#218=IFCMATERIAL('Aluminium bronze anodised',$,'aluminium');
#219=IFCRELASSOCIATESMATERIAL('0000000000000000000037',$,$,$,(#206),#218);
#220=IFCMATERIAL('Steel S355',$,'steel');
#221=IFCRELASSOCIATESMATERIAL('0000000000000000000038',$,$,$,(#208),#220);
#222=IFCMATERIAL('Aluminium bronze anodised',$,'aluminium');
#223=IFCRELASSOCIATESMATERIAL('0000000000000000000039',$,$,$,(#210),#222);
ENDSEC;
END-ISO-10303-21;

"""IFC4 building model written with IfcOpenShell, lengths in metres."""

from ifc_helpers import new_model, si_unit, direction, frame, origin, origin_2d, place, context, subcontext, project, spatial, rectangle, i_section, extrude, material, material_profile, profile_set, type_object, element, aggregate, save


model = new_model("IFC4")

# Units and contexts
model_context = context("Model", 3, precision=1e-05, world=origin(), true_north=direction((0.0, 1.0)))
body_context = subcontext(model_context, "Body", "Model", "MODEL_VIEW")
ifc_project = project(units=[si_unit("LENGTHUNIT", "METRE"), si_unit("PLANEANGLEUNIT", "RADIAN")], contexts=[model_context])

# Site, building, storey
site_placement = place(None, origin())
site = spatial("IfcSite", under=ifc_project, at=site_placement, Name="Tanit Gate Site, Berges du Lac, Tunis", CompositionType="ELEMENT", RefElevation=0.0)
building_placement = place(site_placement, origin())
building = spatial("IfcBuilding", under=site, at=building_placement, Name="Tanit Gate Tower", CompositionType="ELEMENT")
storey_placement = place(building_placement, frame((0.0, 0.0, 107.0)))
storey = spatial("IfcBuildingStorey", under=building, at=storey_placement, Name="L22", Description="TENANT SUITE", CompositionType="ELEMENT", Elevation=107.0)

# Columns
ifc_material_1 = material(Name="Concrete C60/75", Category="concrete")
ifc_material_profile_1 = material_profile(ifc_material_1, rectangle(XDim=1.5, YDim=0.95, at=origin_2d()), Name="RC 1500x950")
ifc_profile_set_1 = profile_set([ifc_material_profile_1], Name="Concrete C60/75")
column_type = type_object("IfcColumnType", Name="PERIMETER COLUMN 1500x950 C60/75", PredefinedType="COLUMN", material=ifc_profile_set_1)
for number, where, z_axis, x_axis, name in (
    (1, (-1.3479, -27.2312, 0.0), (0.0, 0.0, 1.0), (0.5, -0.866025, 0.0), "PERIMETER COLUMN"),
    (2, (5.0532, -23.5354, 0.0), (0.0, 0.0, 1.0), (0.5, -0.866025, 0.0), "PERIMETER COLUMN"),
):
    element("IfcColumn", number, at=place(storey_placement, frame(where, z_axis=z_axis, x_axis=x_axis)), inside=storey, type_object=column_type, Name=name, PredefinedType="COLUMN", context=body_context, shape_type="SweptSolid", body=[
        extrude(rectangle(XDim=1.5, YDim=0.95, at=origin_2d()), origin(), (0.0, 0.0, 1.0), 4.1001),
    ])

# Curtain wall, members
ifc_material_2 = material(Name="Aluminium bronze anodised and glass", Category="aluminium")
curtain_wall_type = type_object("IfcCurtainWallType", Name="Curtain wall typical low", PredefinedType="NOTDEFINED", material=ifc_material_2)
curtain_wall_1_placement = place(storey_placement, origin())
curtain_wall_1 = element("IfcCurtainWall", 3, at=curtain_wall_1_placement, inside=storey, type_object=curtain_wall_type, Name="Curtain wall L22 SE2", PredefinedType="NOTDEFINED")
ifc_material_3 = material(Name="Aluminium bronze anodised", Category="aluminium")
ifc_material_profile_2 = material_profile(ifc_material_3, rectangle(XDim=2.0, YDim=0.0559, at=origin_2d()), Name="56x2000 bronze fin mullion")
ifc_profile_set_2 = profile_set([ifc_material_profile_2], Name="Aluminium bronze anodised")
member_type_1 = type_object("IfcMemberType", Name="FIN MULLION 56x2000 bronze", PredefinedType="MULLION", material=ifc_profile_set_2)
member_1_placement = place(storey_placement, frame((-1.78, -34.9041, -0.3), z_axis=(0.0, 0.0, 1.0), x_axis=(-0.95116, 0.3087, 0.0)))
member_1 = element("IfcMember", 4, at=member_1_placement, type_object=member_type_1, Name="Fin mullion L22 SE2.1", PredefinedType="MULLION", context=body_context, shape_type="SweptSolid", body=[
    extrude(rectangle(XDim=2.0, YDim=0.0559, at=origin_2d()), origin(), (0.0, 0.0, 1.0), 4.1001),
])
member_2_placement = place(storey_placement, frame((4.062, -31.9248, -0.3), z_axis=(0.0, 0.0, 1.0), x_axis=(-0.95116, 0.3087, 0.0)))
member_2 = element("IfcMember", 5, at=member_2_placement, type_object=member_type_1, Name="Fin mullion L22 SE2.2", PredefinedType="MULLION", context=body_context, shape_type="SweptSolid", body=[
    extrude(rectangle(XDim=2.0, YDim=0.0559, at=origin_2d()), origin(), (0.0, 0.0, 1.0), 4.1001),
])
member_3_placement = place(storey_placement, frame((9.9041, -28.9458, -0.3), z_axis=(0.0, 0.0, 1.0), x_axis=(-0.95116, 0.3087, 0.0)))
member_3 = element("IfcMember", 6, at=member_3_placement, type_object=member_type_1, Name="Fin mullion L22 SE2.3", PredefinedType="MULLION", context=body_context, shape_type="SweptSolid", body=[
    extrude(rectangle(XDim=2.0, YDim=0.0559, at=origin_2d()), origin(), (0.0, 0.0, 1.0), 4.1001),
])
______
*Work to be completed:* Return the lines of the listing above exactly as they appear, starting with the first and stopping after the line that holds "from ifc_helpers import".

*Result of the task:*
#218=IFCMATERIAL('Aluminium bronze anodised',$,'aluminium');
#219=IFCRELASSOCIATESMATERIAL('0000000000000000000037',$,$,$,(#206),#218);
#220=IFCMATERIAL('Steel S355',$,'steel');
#221=IFCRELASSOCIATESMATERIAL('0000000000000000000038',$,$,$,(#208),#220);
#222=IFCMATERIAL('Aluminium bronze anodised',$,'aluminium');
#223=IFCRELASSOCIATESMATERIAL('0000000000000000000039',$,$,$,(#210),#222);
ENDSEC;
END-ISO-10303-21;

"""IFC4 building model written with IfcOpenShell, lengths in metres."""

from ifc_helpers import new_model, si_unit, direction, frame, origin, origin_2d, place, context, subcontext, project, spatial, rectangle, i_section, extrude, material, material_profile, profile_set, type_object, element, aggregate, save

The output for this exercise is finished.